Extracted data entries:
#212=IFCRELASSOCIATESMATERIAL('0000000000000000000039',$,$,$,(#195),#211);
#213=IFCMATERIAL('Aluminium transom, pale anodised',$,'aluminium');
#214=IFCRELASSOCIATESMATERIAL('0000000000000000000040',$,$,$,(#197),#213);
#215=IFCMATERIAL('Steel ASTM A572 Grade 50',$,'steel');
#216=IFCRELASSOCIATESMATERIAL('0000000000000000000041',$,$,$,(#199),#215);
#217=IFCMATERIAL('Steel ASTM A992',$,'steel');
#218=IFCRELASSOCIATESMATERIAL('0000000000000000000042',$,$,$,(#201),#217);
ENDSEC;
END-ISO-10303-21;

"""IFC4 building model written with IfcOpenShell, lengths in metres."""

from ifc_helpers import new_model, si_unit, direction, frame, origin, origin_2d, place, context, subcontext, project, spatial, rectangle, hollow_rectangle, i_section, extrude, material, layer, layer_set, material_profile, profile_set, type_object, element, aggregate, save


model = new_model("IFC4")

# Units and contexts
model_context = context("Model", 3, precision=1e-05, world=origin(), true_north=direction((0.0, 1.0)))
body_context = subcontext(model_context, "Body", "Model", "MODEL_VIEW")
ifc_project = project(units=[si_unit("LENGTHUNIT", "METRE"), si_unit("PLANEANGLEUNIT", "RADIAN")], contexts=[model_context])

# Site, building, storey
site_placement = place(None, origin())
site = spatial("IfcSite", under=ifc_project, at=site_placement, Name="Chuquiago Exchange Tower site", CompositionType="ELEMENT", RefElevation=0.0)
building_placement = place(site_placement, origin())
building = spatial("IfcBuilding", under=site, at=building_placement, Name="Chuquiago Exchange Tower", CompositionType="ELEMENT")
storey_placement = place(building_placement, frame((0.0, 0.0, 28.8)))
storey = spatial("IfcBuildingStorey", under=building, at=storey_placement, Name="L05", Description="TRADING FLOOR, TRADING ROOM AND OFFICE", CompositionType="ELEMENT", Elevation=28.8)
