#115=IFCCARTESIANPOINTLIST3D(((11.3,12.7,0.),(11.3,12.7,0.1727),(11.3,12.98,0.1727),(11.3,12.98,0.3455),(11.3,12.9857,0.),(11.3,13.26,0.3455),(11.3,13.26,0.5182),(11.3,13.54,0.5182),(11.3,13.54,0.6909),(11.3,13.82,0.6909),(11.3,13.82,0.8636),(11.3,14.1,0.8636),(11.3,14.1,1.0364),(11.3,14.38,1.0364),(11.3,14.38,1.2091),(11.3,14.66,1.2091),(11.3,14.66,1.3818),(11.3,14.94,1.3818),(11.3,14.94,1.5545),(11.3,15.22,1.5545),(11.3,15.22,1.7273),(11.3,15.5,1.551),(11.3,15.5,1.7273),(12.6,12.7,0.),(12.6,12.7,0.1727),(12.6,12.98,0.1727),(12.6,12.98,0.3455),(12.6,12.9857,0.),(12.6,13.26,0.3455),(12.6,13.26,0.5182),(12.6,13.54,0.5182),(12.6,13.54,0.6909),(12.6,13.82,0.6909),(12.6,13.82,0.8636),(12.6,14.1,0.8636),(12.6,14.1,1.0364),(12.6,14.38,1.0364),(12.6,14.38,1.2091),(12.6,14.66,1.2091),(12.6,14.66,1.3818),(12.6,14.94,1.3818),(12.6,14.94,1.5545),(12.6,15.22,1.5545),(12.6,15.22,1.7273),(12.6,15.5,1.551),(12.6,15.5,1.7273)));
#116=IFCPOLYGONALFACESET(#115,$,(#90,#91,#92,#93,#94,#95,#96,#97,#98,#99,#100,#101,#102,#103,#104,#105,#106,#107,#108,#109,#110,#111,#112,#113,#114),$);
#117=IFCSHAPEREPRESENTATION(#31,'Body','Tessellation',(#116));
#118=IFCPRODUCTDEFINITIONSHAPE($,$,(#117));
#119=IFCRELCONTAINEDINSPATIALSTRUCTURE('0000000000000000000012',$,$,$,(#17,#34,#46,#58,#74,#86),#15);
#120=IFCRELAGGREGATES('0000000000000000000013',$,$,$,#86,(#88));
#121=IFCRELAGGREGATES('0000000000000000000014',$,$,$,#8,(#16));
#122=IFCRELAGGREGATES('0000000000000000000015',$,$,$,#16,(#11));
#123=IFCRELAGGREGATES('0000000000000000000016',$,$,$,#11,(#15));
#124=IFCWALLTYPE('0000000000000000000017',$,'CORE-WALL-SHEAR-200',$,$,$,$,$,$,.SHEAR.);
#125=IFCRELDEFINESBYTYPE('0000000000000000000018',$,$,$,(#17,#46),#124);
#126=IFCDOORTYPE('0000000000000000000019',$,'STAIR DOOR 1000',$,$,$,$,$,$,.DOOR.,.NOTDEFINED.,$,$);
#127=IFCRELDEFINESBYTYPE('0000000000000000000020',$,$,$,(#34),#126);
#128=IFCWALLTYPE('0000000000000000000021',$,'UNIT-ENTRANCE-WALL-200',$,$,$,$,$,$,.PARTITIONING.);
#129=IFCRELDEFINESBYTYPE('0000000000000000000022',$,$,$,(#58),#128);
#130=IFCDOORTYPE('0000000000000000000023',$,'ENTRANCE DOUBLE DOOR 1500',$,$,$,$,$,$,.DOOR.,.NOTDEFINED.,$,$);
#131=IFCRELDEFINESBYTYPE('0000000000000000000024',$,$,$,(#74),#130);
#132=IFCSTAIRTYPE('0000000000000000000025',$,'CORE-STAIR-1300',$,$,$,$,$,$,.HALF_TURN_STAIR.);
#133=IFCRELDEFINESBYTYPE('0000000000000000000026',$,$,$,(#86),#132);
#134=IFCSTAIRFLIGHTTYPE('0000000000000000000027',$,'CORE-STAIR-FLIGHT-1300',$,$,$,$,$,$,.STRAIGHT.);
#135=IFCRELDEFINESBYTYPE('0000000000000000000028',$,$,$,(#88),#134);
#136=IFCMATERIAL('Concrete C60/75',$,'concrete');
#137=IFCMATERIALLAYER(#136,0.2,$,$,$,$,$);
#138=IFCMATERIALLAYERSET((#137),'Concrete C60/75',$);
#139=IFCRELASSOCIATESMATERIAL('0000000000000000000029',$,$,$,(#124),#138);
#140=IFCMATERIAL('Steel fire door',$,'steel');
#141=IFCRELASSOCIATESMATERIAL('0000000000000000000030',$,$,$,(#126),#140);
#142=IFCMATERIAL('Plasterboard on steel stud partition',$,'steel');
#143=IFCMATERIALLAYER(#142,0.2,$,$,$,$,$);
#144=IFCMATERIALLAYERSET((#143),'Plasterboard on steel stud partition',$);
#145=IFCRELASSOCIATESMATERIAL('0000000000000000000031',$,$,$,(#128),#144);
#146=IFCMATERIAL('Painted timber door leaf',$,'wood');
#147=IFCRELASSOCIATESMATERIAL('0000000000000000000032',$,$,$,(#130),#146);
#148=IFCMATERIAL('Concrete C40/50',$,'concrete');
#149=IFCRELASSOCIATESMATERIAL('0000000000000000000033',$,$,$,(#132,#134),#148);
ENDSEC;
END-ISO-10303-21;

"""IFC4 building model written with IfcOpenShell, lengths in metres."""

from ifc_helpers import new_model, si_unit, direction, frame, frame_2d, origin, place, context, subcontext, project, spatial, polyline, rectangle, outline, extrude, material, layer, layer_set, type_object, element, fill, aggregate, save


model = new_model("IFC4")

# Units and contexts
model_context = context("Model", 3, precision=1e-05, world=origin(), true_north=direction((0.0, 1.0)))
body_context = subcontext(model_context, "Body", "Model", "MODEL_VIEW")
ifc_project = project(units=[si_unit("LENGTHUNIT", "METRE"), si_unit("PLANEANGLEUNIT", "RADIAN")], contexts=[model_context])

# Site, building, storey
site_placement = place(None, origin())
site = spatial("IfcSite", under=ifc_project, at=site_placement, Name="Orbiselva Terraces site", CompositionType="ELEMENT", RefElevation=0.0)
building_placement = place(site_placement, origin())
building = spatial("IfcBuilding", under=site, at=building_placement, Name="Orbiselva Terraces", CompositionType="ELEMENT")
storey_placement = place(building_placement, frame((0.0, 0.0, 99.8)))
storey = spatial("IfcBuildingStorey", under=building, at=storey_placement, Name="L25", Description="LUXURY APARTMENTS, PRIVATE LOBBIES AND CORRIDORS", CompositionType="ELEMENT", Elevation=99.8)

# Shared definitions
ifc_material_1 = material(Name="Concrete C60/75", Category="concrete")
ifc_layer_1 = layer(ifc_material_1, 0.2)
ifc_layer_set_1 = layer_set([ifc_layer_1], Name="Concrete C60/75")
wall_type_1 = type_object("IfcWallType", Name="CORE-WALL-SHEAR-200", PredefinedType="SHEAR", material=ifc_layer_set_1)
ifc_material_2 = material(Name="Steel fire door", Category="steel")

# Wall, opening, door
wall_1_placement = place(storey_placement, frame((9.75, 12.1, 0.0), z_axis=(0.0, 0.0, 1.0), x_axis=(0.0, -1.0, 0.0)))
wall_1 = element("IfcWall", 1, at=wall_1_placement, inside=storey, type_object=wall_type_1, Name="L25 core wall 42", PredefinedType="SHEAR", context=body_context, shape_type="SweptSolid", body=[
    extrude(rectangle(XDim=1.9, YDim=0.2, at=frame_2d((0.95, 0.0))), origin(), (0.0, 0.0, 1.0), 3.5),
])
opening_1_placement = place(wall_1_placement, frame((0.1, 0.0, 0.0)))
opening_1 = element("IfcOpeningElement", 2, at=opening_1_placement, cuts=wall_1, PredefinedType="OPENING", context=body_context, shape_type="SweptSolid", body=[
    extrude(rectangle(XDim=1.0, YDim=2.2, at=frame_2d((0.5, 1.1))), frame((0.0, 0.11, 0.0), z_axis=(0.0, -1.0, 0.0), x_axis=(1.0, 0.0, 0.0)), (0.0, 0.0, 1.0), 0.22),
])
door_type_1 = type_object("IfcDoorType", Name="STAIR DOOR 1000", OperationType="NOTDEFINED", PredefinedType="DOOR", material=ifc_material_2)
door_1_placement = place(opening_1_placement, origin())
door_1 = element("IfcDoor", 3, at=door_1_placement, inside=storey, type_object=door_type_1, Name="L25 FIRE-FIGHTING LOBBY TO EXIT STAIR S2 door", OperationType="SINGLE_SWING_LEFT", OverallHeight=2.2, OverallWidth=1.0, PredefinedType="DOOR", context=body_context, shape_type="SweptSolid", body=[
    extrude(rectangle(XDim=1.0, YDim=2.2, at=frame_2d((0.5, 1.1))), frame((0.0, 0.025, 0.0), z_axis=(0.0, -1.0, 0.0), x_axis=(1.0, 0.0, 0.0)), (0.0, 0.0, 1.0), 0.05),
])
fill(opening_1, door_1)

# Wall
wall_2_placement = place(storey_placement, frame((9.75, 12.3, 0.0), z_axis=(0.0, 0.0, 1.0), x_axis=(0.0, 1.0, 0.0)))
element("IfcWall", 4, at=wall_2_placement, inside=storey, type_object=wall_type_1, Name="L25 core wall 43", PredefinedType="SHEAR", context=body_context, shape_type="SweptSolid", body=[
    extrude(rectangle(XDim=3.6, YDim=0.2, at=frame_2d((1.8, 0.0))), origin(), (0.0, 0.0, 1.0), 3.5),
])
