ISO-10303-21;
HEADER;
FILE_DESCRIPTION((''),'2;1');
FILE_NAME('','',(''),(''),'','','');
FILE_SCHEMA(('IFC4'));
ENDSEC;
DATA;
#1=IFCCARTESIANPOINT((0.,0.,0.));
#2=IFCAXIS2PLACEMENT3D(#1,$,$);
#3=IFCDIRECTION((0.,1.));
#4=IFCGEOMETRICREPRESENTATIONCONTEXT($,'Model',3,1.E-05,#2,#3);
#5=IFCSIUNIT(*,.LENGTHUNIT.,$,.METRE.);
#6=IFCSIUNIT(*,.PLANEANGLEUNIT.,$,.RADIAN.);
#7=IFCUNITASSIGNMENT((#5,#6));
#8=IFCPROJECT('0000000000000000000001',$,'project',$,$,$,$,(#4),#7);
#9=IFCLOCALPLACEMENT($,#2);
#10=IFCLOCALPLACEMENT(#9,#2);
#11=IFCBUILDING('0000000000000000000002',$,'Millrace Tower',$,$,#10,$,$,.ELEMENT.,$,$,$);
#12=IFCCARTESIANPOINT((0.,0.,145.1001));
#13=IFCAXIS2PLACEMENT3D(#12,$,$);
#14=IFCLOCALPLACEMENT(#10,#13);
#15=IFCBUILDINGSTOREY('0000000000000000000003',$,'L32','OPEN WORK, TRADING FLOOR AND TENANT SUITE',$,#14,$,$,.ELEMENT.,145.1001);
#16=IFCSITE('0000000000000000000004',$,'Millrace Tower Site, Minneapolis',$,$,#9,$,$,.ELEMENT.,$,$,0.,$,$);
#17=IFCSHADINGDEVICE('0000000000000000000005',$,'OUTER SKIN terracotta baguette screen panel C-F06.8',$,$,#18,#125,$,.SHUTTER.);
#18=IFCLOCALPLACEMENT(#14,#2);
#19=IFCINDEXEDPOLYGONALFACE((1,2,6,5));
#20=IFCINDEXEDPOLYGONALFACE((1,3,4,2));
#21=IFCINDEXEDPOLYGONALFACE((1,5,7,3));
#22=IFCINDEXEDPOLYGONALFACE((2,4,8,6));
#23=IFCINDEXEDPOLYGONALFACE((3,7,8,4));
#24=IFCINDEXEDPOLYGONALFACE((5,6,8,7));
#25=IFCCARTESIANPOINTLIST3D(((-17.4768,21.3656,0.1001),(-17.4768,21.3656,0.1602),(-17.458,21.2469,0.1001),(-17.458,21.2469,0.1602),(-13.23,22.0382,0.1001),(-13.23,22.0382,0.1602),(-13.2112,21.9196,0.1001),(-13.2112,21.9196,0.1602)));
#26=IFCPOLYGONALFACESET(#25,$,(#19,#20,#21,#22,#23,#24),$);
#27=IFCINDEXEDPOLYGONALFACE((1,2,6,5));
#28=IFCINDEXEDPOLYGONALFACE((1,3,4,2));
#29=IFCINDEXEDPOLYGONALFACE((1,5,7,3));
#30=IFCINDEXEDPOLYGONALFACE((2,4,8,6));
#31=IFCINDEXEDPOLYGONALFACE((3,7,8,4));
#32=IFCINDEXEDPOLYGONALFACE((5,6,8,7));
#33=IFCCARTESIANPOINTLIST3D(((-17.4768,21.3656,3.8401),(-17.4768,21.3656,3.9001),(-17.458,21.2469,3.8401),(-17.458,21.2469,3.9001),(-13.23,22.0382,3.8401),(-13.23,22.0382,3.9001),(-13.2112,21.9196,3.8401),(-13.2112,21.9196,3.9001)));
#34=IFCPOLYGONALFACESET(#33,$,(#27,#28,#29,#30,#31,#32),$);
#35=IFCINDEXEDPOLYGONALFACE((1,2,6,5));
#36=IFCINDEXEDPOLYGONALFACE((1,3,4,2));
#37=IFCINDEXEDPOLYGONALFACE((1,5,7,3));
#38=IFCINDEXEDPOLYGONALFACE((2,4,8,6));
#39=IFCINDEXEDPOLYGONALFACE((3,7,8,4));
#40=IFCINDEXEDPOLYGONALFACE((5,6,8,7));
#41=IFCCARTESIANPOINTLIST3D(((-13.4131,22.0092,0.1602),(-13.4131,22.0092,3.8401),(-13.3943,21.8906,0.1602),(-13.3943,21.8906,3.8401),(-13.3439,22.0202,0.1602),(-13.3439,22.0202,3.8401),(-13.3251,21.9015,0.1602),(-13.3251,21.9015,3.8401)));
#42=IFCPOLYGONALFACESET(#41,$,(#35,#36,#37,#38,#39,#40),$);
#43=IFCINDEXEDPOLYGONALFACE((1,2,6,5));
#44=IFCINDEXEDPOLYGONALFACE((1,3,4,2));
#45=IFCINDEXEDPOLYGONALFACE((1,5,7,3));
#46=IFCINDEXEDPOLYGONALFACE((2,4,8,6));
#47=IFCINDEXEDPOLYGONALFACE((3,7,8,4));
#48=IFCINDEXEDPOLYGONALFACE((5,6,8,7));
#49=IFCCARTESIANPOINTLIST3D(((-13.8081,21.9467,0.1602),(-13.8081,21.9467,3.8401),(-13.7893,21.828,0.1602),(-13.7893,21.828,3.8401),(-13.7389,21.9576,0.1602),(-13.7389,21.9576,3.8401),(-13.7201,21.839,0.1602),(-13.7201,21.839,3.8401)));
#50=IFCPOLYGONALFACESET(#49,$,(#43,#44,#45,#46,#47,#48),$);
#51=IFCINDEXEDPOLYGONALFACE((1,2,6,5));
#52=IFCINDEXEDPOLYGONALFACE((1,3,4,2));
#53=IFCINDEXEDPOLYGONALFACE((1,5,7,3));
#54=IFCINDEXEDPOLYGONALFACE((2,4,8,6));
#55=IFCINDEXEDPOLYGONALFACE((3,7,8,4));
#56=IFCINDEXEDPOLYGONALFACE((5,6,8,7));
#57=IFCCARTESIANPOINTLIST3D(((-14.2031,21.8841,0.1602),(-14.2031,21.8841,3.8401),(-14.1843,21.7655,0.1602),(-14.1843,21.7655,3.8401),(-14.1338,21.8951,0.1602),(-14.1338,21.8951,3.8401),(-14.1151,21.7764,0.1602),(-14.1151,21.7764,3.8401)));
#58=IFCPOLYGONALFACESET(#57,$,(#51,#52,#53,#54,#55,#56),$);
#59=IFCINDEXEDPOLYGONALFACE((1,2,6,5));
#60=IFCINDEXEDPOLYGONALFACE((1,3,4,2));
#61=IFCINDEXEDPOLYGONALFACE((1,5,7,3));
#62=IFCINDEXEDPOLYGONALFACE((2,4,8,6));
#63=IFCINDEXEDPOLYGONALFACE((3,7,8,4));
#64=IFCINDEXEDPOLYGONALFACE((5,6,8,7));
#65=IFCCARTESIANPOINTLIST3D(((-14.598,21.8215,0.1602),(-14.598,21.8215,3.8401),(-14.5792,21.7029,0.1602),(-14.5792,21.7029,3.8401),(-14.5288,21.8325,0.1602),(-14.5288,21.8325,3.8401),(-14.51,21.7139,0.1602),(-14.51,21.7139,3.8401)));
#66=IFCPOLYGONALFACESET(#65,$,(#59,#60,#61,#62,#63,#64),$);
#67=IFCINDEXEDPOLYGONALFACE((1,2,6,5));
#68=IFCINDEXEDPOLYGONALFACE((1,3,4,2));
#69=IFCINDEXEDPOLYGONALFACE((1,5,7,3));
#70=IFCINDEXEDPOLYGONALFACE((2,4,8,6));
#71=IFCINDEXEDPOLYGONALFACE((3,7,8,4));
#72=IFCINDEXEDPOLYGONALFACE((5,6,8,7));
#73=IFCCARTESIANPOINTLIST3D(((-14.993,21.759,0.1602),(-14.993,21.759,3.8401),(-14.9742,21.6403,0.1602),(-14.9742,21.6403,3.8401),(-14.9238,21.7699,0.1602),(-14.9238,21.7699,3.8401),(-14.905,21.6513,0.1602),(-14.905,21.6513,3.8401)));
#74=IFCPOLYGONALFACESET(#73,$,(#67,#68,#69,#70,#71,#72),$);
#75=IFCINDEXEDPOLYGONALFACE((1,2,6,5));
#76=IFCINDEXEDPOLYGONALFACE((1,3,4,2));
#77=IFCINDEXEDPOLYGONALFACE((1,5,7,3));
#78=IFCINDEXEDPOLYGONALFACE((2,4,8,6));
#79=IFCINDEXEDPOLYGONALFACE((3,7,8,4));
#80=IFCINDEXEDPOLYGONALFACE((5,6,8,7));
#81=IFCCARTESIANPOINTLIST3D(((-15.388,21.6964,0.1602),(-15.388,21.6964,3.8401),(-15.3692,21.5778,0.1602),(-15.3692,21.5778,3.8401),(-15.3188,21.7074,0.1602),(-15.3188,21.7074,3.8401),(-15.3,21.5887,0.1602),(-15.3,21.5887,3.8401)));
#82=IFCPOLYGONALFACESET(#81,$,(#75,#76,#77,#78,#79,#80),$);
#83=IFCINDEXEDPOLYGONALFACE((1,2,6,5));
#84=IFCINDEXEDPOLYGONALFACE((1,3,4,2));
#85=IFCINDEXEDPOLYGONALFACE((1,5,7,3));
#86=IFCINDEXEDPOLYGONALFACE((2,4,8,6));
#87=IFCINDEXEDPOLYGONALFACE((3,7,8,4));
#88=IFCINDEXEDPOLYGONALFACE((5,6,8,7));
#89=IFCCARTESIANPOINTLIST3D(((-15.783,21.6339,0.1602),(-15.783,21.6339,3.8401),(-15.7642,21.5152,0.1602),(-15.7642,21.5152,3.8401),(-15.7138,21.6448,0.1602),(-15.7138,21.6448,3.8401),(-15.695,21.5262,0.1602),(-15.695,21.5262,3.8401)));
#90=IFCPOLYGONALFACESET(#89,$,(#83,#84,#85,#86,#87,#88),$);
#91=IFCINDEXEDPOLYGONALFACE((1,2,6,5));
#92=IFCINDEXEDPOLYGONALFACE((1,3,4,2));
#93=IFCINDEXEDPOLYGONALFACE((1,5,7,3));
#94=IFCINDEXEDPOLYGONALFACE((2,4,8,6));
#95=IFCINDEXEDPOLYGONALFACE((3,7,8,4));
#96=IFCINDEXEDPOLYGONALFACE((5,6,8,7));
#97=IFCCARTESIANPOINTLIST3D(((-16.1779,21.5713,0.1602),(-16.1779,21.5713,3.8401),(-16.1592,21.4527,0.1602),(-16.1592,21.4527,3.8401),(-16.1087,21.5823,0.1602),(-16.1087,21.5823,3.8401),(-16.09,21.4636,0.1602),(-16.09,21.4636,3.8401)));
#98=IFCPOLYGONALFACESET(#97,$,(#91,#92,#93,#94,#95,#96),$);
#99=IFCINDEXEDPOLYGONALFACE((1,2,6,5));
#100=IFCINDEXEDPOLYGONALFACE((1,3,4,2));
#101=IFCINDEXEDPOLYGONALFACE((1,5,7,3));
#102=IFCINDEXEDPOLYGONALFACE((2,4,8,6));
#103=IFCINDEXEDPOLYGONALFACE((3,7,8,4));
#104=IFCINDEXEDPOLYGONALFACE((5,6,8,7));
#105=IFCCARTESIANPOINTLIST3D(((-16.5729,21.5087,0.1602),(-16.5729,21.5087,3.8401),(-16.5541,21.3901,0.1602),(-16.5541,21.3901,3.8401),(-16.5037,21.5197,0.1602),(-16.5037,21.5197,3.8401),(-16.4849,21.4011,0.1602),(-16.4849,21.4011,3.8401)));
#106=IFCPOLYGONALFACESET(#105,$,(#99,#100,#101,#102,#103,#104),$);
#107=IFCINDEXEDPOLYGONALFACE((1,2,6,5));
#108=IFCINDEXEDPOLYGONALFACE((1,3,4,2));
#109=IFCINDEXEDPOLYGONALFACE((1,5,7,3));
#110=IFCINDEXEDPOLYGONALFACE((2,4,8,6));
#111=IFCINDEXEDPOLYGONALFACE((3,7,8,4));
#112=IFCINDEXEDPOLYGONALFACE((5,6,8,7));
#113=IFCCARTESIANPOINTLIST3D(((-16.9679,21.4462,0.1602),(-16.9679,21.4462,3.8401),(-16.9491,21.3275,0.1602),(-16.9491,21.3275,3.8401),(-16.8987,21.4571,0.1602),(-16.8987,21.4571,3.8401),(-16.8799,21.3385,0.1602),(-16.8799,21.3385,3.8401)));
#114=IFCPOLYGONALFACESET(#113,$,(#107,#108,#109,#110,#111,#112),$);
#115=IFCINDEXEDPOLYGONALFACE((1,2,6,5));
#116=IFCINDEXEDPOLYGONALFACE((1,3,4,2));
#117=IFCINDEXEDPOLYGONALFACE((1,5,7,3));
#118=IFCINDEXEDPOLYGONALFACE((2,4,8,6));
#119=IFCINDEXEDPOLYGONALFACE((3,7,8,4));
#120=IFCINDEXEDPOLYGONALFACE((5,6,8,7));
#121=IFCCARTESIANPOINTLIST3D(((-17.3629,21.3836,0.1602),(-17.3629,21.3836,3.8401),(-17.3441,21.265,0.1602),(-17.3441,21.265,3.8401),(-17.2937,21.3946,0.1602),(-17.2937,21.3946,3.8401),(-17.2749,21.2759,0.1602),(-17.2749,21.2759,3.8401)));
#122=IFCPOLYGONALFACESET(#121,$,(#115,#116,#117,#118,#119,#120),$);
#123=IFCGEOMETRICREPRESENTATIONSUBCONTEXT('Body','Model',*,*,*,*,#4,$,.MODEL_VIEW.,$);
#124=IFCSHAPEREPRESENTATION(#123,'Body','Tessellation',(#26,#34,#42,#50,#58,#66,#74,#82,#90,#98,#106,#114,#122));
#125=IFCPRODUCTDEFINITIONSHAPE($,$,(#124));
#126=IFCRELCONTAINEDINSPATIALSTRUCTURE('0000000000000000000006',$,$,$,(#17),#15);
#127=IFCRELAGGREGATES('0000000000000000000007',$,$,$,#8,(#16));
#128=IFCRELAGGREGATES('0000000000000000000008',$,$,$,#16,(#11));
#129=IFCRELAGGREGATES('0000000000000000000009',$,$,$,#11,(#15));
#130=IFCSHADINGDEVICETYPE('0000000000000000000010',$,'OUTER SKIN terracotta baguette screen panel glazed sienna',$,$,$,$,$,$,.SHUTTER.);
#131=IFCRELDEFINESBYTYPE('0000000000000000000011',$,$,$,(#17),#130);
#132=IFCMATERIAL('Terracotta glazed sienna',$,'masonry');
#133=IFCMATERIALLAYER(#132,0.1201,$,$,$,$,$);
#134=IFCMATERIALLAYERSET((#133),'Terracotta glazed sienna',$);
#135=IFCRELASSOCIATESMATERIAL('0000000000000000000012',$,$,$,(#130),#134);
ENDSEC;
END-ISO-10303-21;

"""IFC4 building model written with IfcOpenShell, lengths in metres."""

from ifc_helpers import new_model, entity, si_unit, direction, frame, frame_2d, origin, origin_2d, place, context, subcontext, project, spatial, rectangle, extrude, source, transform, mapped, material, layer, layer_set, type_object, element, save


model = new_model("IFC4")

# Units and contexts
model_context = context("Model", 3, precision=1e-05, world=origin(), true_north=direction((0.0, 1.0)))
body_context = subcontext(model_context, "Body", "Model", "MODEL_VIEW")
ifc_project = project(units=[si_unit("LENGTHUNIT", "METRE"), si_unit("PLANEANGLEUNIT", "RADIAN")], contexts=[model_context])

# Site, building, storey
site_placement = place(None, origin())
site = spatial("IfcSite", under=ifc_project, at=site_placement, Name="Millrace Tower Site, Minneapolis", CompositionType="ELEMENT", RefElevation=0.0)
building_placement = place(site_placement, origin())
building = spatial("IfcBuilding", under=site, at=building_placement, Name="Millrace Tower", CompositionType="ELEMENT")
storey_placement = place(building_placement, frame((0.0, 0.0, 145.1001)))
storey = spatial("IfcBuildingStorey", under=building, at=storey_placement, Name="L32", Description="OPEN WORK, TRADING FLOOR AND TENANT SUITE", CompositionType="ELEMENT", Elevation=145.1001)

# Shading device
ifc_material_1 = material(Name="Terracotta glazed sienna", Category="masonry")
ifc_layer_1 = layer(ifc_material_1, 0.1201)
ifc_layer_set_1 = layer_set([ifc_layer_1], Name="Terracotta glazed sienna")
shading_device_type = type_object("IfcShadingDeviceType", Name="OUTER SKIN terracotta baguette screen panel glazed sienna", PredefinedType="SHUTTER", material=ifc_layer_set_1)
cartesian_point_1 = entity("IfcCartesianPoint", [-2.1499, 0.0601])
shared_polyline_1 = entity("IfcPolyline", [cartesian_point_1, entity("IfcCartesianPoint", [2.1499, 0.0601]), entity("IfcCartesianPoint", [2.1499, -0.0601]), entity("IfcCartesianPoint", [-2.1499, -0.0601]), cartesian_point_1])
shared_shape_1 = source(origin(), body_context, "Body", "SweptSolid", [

** Work to be completed **
Wherever "Terraces" turns up in the records, copy the whole line.

** Finished task **
site = spatial("IfcSite", under=ifc_project, at=site_placement, Name="Orbiselva Terraces site", CompositionType="ELEMENT", RefElevation=0.0)
building = spatial("IfcBuilding", under=site, at=building_placement, Name="Orbiselva Terraces", CompositionType="ELEMENT")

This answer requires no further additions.